What to produce: Report each line of the entries that contains the word "Shaft", copied in full.

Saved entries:
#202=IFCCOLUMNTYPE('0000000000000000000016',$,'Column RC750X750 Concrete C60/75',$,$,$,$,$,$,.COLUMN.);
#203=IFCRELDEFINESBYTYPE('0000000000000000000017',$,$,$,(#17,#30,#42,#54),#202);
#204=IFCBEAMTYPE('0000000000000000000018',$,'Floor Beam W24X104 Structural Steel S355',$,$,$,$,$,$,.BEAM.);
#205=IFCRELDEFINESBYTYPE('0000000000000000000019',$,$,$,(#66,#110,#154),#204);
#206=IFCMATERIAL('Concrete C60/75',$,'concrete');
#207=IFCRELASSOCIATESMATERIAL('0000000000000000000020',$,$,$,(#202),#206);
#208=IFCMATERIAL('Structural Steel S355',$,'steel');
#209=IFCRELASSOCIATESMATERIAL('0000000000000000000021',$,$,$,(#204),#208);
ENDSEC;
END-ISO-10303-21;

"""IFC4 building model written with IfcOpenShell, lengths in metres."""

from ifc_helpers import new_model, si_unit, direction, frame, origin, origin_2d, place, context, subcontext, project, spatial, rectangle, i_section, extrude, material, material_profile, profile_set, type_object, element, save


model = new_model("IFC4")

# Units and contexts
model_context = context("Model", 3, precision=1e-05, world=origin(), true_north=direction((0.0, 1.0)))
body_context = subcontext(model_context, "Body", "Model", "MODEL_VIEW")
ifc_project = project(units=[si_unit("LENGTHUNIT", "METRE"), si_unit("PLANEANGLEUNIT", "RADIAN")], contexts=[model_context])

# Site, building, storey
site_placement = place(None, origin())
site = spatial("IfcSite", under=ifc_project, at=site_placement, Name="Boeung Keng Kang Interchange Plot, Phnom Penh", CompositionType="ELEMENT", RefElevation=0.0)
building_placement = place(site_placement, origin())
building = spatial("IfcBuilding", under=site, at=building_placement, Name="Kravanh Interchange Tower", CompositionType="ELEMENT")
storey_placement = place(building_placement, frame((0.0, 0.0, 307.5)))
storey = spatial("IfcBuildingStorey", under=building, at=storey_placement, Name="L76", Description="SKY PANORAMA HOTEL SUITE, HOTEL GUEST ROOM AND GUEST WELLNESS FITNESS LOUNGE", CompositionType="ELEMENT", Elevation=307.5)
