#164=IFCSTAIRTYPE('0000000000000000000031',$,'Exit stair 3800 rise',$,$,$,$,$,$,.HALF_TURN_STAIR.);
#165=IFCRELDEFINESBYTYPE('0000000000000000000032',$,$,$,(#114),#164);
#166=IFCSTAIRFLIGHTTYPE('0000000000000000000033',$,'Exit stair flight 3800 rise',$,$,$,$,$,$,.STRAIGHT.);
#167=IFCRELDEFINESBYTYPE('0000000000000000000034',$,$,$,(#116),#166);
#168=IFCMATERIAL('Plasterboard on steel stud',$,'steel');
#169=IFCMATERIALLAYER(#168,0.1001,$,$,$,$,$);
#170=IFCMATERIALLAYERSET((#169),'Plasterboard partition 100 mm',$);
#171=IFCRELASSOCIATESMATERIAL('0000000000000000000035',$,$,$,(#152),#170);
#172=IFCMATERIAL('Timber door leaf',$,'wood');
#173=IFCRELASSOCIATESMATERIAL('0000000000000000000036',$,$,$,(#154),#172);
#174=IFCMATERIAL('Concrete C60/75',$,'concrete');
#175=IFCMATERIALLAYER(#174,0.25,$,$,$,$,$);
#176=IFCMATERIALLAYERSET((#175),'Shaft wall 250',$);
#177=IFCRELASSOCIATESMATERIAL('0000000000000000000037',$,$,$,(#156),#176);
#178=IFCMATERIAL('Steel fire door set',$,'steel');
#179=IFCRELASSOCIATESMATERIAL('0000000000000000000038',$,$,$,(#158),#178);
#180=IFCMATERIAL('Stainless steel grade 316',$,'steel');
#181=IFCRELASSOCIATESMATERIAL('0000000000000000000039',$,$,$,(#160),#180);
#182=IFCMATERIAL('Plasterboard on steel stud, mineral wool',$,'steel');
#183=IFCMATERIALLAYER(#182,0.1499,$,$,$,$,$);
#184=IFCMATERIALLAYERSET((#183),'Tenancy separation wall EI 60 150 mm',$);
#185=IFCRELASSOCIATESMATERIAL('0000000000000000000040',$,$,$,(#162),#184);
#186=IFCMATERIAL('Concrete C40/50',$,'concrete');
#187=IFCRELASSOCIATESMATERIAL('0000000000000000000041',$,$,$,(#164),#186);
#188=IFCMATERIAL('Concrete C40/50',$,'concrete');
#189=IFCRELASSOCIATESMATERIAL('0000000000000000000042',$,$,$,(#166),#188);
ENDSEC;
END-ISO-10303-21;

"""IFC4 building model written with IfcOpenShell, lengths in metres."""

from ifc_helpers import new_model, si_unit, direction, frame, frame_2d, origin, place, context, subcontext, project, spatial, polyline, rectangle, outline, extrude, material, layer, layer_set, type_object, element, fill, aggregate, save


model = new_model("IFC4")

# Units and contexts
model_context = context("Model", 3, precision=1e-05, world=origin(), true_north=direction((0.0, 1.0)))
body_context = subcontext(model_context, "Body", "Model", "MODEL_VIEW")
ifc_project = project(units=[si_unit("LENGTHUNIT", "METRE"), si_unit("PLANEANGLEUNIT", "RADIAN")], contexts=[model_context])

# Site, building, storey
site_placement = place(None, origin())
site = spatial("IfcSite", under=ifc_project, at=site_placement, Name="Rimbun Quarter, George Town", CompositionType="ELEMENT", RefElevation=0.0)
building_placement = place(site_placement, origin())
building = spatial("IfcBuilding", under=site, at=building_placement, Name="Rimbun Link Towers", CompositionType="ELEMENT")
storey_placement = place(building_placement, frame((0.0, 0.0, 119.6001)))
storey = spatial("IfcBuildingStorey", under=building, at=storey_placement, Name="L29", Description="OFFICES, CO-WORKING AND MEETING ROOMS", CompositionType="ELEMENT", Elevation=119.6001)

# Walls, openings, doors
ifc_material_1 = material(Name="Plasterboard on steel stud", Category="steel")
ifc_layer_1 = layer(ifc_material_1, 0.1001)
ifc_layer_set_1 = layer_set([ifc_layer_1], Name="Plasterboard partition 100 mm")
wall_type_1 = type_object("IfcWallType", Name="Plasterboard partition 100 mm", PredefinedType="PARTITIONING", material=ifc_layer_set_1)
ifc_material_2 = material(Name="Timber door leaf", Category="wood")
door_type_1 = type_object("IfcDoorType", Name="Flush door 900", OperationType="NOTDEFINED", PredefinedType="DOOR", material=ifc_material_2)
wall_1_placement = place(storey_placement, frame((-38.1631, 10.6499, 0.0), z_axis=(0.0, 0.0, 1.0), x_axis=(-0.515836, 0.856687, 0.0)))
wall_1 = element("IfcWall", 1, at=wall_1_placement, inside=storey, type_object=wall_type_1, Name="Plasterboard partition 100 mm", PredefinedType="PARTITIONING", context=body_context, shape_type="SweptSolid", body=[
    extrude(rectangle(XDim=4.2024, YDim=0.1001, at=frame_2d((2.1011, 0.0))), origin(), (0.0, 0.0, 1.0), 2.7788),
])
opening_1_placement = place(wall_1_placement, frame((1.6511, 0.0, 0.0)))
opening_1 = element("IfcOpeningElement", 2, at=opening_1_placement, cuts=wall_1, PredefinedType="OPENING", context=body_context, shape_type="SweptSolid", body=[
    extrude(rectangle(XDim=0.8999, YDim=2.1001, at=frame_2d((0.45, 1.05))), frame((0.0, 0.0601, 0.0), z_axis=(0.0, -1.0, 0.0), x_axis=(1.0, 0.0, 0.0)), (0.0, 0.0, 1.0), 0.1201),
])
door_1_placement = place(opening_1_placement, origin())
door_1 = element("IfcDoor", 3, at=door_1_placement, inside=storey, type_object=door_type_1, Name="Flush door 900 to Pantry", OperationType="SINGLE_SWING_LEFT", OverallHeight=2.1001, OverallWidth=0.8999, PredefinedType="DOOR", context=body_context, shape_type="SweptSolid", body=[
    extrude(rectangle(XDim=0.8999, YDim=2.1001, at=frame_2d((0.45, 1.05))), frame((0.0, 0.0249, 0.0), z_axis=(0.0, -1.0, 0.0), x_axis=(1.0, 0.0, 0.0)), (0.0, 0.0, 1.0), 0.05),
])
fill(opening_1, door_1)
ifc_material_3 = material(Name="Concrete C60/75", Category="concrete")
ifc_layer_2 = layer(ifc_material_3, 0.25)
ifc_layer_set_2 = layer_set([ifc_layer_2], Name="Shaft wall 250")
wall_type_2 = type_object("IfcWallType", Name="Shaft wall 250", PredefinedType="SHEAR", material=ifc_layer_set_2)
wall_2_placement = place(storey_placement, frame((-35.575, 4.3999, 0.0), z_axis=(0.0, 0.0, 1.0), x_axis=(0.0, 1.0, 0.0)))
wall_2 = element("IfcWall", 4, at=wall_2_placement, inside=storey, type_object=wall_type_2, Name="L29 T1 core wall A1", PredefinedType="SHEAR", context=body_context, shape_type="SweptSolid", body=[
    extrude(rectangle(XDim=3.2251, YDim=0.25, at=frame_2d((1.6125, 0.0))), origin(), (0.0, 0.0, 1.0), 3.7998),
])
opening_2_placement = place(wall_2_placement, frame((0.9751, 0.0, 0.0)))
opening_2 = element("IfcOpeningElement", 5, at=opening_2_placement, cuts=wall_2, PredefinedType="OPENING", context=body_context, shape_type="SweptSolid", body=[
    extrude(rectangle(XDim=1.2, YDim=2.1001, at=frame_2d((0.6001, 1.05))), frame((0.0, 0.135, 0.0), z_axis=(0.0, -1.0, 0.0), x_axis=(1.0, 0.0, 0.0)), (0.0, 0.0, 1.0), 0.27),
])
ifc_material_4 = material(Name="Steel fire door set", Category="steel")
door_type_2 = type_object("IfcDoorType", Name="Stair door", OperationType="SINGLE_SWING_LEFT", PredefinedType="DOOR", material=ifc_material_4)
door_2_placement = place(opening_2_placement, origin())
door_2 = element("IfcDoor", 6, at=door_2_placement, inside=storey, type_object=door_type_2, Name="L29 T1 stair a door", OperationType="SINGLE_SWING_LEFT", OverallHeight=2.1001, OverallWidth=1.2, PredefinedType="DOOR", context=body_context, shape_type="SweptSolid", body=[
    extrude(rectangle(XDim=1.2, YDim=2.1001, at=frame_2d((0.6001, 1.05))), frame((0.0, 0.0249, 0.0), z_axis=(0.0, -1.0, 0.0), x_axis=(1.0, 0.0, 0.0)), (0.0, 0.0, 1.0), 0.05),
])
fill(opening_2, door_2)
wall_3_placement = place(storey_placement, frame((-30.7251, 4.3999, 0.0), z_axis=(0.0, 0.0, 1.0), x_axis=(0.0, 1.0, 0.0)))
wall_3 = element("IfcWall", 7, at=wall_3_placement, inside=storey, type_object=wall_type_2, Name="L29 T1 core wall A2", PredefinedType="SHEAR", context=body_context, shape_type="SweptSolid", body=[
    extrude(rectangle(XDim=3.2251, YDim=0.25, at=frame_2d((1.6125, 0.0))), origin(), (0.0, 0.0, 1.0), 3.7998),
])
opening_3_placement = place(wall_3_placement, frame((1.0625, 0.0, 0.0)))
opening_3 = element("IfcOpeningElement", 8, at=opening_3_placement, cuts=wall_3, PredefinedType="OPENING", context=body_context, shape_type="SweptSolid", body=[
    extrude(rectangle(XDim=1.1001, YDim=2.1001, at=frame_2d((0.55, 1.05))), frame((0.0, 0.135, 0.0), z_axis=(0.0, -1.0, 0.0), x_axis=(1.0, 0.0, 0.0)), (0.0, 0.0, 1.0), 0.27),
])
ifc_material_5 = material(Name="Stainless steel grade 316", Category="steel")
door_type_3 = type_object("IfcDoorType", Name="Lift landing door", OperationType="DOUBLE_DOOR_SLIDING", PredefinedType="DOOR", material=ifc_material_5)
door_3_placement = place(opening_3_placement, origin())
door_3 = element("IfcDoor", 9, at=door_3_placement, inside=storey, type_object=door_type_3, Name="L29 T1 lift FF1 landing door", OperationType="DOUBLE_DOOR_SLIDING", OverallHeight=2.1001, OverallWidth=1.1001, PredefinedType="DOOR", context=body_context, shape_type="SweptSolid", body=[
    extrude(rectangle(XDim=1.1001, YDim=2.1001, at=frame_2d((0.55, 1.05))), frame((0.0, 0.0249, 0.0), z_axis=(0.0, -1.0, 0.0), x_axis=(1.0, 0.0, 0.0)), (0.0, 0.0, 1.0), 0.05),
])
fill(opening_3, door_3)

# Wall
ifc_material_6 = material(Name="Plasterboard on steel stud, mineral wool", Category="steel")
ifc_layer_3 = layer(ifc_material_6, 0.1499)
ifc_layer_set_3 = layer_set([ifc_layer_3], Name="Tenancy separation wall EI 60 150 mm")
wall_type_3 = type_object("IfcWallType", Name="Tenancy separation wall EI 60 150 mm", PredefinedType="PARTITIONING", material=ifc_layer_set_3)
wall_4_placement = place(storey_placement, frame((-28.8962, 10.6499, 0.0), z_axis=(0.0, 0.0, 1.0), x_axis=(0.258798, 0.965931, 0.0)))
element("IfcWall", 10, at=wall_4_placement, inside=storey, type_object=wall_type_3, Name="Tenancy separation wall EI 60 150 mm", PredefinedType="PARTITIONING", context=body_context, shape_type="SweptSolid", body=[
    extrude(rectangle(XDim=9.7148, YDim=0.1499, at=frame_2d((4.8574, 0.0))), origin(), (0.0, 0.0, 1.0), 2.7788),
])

Exercise output:
#176=IFCMATERIALLAYERSET((#175),'Shaft wall 250',$);
ifc_layer_set_2 = layer_set([ifc_layer_2], Name="Shaft wall 250")
wall_type_2 = type_object("IfcWallType", Name="Shaft wall 250", PredefinedType="SHEAR", material=ifc_layer_set_2)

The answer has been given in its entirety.